◆ **TASK DETAILS**: Copy each line of the entries that includes the word "Torre".

* * *

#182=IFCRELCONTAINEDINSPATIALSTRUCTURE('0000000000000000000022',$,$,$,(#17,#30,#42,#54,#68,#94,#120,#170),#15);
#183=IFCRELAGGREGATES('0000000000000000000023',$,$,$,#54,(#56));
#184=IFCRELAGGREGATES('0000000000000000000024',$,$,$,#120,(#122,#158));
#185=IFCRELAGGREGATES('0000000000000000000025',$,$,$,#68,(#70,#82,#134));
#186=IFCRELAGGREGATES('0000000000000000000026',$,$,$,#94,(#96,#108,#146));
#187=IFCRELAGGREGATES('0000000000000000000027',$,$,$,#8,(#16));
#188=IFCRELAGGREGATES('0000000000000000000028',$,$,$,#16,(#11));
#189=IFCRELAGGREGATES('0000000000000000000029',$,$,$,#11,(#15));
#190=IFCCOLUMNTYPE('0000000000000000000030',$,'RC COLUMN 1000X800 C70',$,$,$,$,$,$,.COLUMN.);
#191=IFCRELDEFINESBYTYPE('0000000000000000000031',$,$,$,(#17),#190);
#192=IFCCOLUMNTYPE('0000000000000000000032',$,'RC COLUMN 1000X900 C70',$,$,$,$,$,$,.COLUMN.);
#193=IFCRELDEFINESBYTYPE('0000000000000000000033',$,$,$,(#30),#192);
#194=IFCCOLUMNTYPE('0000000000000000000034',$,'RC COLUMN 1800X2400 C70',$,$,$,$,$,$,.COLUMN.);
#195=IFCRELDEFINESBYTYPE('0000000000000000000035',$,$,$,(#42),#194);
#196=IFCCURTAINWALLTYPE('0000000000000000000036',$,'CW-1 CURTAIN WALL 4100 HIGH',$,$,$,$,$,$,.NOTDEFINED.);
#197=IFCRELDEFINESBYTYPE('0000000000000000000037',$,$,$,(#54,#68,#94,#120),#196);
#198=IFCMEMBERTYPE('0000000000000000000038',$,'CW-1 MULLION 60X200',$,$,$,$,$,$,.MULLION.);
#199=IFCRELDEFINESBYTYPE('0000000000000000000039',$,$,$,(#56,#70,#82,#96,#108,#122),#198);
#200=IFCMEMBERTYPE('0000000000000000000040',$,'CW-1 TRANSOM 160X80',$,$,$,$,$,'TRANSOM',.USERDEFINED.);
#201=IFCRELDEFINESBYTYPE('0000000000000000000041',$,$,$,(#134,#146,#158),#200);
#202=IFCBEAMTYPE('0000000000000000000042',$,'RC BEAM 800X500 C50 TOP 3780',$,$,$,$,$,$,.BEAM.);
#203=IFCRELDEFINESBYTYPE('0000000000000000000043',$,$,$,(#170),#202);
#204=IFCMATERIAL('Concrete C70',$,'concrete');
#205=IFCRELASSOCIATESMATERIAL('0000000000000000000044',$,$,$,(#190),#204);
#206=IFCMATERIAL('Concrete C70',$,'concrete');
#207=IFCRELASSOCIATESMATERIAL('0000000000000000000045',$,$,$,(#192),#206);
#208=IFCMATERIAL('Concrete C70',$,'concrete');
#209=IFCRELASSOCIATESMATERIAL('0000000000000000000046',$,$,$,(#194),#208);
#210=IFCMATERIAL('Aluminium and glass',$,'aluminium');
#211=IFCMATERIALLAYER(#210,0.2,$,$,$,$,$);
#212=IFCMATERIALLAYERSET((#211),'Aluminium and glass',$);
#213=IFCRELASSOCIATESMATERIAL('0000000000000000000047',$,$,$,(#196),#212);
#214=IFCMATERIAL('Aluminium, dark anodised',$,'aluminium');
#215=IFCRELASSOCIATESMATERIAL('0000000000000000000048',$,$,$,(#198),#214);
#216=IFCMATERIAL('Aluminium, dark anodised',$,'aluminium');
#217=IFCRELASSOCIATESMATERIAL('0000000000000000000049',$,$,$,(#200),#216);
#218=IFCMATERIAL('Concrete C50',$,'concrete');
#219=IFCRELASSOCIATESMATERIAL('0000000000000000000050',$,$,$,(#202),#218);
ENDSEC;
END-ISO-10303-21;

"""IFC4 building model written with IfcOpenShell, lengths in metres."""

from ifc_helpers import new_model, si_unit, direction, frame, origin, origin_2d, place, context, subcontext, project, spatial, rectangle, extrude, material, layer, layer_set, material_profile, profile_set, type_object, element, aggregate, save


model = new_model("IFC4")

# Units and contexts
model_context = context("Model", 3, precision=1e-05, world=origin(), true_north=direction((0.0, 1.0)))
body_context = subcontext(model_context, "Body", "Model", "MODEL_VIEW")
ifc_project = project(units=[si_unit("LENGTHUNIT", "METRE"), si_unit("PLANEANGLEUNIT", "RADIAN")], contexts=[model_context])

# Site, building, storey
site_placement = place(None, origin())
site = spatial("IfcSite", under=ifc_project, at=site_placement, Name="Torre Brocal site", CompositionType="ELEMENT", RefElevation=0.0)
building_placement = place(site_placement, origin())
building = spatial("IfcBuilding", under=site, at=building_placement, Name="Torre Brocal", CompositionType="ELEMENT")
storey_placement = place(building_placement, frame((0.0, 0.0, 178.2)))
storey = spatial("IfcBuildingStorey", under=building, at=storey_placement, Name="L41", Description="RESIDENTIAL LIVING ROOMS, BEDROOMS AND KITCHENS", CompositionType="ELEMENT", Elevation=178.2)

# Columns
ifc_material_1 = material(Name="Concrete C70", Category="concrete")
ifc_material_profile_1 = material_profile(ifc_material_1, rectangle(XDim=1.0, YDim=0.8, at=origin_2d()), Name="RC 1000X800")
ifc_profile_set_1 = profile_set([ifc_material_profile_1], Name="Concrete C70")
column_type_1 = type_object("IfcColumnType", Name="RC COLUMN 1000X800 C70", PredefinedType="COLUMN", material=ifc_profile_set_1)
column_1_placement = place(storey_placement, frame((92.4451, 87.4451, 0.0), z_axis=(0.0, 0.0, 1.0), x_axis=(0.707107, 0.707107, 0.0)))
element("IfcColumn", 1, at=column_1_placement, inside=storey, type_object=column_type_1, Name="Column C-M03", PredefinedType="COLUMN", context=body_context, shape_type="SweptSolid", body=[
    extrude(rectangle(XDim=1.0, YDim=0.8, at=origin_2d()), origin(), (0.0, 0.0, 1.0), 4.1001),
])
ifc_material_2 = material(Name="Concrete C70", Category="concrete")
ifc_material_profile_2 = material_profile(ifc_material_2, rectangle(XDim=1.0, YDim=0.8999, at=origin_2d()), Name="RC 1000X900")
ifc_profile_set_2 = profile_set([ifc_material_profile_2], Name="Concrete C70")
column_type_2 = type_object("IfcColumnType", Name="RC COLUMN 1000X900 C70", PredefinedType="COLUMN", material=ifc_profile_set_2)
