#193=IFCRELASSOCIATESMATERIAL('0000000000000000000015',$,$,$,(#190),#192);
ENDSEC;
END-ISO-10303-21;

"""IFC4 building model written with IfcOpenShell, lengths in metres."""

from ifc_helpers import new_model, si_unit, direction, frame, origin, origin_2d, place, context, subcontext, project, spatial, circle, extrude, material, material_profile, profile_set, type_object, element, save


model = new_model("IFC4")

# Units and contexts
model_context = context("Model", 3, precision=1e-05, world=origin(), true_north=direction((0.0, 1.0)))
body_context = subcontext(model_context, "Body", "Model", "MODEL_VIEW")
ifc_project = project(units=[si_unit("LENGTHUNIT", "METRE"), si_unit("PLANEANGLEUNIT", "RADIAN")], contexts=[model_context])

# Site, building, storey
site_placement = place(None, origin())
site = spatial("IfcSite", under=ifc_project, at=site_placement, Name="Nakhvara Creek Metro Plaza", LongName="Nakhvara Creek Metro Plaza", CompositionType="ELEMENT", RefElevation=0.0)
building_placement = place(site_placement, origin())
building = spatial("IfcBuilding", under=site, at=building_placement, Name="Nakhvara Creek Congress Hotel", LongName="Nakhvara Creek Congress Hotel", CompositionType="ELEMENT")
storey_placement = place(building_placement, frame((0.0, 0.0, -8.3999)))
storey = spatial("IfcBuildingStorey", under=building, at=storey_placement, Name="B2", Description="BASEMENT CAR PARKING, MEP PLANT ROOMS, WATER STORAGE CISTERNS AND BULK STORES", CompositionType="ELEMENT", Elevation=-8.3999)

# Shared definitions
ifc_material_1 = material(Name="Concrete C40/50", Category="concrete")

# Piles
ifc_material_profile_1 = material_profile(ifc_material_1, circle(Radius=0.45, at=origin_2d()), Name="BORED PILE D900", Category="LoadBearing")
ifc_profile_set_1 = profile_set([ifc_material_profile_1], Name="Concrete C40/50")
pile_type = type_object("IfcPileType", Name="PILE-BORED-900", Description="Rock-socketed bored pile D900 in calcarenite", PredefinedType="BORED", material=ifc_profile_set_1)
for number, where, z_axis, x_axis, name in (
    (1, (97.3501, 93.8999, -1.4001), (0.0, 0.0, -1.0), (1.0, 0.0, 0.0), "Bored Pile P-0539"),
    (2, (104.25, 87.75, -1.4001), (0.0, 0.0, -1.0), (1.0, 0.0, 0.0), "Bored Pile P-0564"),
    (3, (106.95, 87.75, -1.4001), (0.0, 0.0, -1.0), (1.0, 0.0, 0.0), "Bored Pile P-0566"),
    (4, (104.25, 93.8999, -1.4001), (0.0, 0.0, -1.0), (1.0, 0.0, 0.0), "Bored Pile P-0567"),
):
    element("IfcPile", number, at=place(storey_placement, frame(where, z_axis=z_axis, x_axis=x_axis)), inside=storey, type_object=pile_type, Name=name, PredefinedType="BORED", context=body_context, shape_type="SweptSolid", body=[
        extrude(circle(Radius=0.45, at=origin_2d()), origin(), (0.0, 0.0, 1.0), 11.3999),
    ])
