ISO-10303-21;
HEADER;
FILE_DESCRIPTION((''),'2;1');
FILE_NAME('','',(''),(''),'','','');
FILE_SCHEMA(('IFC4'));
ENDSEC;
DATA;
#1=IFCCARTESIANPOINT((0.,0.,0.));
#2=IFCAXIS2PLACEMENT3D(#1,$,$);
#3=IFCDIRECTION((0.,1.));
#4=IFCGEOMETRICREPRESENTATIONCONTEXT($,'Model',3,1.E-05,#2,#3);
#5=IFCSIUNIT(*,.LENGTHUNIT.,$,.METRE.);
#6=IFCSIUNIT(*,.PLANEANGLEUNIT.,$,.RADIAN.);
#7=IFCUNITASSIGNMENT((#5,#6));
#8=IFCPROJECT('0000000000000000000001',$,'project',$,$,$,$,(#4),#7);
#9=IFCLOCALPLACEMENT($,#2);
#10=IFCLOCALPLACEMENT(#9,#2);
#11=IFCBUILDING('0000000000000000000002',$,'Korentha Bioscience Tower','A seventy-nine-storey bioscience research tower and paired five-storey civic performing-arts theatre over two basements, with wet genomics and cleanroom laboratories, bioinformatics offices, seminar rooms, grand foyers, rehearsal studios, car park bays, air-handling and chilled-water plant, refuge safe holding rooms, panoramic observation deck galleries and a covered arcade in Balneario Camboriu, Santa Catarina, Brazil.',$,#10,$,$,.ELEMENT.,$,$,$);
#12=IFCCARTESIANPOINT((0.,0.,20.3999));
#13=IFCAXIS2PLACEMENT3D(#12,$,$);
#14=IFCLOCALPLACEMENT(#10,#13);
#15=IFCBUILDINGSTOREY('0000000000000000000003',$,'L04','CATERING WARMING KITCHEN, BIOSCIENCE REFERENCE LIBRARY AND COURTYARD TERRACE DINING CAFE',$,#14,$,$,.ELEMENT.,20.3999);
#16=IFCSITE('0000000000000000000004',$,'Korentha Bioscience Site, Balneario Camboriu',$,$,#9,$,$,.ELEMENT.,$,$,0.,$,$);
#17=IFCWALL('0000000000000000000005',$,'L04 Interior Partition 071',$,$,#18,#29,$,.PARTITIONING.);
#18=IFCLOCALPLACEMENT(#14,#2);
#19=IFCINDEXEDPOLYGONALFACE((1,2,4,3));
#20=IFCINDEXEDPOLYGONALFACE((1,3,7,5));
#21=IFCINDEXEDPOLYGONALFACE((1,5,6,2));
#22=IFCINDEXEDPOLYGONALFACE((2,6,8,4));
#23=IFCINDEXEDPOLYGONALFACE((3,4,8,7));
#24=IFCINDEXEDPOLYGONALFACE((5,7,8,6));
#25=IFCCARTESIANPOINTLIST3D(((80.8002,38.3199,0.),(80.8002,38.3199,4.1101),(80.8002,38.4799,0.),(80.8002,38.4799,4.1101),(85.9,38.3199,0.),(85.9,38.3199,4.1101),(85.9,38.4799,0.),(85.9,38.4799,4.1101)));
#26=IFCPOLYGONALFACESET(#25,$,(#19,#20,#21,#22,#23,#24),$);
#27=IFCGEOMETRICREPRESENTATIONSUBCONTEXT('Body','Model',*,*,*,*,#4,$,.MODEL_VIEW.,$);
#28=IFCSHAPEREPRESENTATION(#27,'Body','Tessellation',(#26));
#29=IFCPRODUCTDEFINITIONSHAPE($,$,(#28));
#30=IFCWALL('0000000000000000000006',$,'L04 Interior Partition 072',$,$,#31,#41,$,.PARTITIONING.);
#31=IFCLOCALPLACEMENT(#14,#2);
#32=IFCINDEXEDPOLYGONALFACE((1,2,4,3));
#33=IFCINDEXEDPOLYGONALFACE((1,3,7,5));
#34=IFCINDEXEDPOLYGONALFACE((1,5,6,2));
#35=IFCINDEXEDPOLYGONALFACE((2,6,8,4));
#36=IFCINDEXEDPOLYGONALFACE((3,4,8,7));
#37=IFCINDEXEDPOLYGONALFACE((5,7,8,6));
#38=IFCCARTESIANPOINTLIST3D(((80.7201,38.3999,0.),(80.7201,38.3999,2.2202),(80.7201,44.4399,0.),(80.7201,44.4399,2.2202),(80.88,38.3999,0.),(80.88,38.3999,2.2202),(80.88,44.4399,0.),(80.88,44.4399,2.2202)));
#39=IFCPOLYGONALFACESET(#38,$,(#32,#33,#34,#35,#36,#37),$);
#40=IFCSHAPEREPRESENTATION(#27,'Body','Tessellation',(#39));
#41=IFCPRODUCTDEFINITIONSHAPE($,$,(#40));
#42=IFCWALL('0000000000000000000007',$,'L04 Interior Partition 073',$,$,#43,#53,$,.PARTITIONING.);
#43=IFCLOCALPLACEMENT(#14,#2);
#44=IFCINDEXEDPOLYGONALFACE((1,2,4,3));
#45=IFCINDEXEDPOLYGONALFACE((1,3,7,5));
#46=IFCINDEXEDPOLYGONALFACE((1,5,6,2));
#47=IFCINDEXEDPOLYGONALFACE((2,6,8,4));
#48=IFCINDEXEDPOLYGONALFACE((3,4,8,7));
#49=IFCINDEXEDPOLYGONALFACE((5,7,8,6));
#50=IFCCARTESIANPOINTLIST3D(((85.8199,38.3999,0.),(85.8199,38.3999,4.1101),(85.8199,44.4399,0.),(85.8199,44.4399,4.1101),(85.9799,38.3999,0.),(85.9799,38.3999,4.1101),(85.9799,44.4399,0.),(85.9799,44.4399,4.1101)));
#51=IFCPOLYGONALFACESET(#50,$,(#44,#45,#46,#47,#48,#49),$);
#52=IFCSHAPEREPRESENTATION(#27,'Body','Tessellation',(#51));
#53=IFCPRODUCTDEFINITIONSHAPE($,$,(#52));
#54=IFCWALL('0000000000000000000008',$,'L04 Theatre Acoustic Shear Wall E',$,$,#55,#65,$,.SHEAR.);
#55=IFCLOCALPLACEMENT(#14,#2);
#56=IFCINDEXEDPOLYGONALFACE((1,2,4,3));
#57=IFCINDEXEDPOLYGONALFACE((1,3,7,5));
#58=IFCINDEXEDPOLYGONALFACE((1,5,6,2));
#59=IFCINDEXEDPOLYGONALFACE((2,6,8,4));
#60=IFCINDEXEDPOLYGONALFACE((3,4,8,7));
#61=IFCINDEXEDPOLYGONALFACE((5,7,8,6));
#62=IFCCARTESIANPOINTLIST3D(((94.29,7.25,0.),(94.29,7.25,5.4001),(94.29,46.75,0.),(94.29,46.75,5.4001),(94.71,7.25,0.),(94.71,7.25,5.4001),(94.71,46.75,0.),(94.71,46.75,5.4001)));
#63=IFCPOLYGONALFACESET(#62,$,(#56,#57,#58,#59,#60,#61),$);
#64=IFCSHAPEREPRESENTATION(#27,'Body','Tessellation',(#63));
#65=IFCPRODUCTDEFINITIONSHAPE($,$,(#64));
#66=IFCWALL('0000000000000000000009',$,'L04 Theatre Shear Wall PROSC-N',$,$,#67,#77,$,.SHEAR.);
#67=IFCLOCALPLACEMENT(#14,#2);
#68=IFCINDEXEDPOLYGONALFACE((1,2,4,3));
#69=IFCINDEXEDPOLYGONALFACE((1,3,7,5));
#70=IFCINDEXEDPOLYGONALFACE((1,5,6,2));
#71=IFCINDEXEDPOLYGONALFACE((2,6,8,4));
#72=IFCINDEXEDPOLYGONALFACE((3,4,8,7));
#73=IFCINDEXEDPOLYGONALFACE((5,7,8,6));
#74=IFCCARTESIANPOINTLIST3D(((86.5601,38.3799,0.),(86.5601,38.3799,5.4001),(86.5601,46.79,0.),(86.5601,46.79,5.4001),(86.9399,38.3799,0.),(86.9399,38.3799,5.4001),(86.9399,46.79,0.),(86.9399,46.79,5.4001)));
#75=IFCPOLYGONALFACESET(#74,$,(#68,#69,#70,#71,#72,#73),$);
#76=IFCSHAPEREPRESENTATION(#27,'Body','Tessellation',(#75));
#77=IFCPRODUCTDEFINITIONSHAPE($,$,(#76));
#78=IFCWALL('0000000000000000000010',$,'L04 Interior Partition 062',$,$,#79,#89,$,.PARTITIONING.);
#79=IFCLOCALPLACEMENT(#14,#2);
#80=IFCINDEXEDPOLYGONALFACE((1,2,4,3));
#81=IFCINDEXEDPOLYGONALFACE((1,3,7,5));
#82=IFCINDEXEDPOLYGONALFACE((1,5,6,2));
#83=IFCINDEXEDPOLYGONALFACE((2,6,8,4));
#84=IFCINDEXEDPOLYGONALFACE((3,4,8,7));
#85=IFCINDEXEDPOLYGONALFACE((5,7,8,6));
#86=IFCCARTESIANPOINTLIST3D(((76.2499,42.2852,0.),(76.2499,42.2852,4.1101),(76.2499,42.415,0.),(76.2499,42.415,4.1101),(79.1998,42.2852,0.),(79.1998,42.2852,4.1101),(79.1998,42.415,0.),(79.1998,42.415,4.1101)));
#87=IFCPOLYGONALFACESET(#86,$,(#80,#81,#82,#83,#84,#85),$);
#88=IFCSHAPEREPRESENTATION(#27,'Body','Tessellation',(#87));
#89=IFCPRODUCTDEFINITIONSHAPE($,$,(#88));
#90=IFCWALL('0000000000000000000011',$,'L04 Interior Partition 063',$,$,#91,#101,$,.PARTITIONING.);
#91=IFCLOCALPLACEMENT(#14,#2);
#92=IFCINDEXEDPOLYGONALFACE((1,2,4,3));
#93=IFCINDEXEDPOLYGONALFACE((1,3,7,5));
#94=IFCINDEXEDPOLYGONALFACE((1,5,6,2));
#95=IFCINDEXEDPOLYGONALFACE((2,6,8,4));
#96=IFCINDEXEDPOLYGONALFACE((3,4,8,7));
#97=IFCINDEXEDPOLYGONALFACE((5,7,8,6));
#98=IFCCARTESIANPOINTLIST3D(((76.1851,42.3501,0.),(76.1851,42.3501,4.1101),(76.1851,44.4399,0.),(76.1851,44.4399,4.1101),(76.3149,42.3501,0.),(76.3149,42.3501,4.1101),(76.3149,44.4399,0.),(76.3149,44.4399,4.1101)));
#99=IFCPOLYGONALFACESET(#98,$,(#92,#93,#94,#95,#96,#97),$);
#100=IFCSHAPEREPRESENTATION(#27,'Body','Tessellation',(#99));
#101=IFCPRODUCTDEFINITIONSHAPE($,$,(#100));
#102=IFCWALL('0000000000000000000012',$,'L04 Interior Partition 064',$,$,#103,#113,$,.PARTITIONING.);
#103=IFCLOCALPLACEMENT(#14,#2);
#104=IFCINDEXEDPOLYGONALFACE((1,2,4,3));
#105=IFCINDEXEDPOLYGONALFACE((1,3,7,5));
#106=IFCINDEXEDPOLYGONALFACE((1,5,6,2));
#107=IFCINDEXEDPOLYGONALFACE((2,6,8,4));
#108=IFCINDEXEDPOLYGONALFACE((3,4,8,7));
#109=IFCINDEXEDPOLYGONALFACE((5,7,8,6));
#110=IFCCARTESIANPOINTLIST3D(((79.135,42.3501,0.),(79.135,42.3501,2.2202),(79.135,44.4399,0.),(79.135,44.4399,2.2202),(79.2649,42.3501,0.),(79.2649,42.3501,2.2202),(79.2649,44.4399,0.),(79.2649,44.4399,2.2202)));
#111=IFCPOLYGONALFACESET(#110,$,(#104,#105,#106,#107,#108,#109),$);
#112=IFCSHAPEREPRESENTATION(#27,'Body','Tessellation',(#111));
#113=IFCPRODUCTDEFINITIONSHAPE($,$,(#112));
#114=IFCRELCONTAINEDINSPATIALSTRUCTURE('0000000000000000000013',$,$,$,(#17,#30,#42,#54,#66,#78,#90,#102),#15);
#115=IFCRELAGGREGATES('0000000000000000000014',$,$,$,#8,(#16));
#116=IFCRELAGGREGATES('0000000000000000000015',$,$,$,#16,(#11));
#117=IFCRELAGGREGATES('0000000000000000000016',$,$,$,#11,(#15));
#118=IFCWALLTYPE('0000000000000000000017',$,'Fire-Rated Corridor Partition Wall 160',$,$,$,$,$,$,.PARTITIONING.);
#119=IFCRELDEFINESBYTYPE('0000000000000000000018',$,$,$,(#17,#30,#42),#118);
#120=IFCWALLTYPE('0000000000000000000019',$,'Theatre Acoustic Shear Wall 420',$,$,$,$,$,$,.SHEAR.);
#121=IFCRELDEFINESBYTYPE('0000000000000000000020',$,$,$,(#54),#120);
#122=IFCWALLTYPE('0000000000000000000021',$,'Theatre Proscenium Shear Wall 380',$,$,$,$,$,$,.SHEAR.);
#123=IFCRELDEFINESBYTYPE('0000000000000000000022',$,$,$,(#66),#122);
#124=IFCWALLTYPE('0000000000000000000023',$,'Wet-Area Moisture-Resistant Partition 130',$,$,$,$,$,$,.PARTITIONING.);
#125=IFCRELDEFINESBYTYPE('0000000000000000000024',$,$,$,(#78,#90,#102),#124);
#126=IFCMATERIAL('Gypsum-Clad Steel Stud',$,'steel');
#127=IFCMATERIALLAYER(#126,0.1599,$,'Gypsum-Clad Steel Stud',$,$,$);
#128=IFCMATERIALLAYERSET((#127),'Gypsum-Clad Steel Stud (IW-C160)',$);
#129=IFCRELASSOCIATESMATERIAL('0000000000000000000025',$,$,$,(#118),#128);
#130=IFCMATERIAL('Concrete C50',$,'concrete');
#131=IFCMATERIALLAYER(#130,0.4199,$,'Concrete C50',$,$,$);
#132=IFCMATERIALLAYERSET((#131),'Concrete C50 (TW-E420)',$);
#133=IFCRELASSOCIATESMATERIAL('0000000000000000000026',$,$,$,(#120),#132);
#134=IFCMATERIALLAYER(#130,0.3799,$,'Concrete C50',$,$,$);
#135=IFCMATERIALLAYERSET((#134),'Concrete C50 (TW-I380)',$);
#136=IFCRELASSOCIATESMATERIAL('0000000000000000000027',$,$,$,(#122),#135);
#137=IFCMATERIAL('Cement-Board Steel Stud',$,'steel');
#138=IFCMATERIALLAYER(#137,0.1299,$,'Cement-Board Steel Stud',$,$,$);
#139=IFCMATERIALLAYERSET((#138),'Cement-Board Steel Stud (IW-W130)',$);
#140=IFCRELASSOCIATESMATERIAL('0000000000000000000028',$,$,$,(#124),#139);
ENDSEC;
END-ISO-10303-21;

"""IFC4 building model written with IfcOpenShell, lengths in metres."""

from ifc_helpers import new_model, si_unit, direction, frame, frame_2d, origin, place, context, subcontext, project, spatial, rectangle, extrude, material, layer, layer_set, type_object, element, save


model = new_model("IFC4")

# Units and contexts
model_context = context("Model", 3, precision=1e-05, world=origin(), true_north=direction((0.0, 1.0)))
body_context = subcontext(model_context, "Body", "Model", "MODEL_VIEW")
ifc_project = project(units=[si_unit("LENGTHUNIT", "METRE"), si_unit("PLANEANGLEUNIT", "RADIAN")], contexts=[model_context])

# Site, building, storey
site_placement = place(None, origin())
site = spatial("IfcSite", under=ifc_project, at=site_placement, Name="Korentha Bioscience Site, Balneario Camboriu", CompositionType="ELEMENT", RefElevation=0.0)
building_placement = place(site_placement, origin())
building = spatial("IfcBuilding", under=site, at=building_placement, Name="Korentha Bioscience Tower", Description="A seventy-nine-storey bioscience research tower and paired five-storey civic performing-arts theatre over two basements, with wet genomics and cleanroom laboratories, bioinformatics offices, seminar rooms, grand foyers, rehearsal studios, car park bays, air-handling and chilled-water plant, refuge safe holding rooms, panoramic observation deck galleries and a covered arcade in Balneario Camboriu, Santa Catarina, Brazil.", CompositionType="ELEMENT")
storey_placement = place(building_placement, frame((0.0, 0.0, 20.3999)))
storey = spatial("IfcBuildingStorey", under=building, at=storey_placement, Name="L04", Description="CATERING WARMING KITCHEN, BIOSCIENCE REFERENCE LIBRARY AND COURTYARD TERRACE DINING CAFE", CompositionType="ELEMENT", Elevation=20.3999)

# Shared definitions
ifc_material_1 = material(Name="Concrete C50", Category="concrete")

# Shared definitions
ifc_material_2 = material(Name="Gypsum-Clad Steel Stud", Category="steel")
ifc_layer_1 = layer(ifc_material_2, 0.1599, Name="Gypsum-Clad Steel Stud")
ifc_layer_set_1 = layer_set([ifc_layer_1], Name="Gypsum-Clad Steel Stud (IW-C160)")
wall_type_1 = type_object("IfcWallType", Name="Fire-Rated Corridor Partition Wall 160", PredefinedType="PARTITIONING", material=ifc_layer_set_1)

# Walls
wall_1_placement = place(storey_placement, frame((85.8999, 38.3999, 0.0), z_axis=(0.0, 0.0, 1.0), x_axis=(-1.0, 0.0, 0.0)))
element("IfcWall", 1, at=wall_1_placement, inside=storey, type_object=wall_type_1, Name="L04 Interior Partition 071", PredefinedType="PARTITIONING", context=body_context, shape_type="SweptSolid", body=[
    extrude(rectangle(XDim=5.0999, YDim=0.1599, at=frame_2d((2.5498, 0.0))), origin(), (0.0, 0.0, 1.0), 4.1101),
])
wall_2_placement = place(storey_placement, frame((80.8, 38.3999, 0.0), z_axis=(0.0, 0.0, 1.0), x_axis=(0.0, 1.0, 0.0)))
element("IfcWall", 2, at=wall_2_placement, inside=storey, type_object=wall_type_1, Name="L04 Interior Partition 072", PredefinedType="PARTITIONING", context=body_context, shape_type="SweptSolid", body=[
    extrude(rectangle(XDim=6.04, YDim=0.1599, at=frame_2d((3.02, 0.0))), origin(), (0.0, 0.0, 1.0), 2.2202),
])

* * *

◆ **YOUR SOLUTION**:
site = spatial("IfcSite", under=ifc_project, at=site_placement, Name="Torre Brocal site", CompositionType="ELEMENT", RefElevation=0.0)
building = spatial("IfcBuilding", under=site, at=building_placement, Name="Torre Brocal", CompositionType="ELEMENT")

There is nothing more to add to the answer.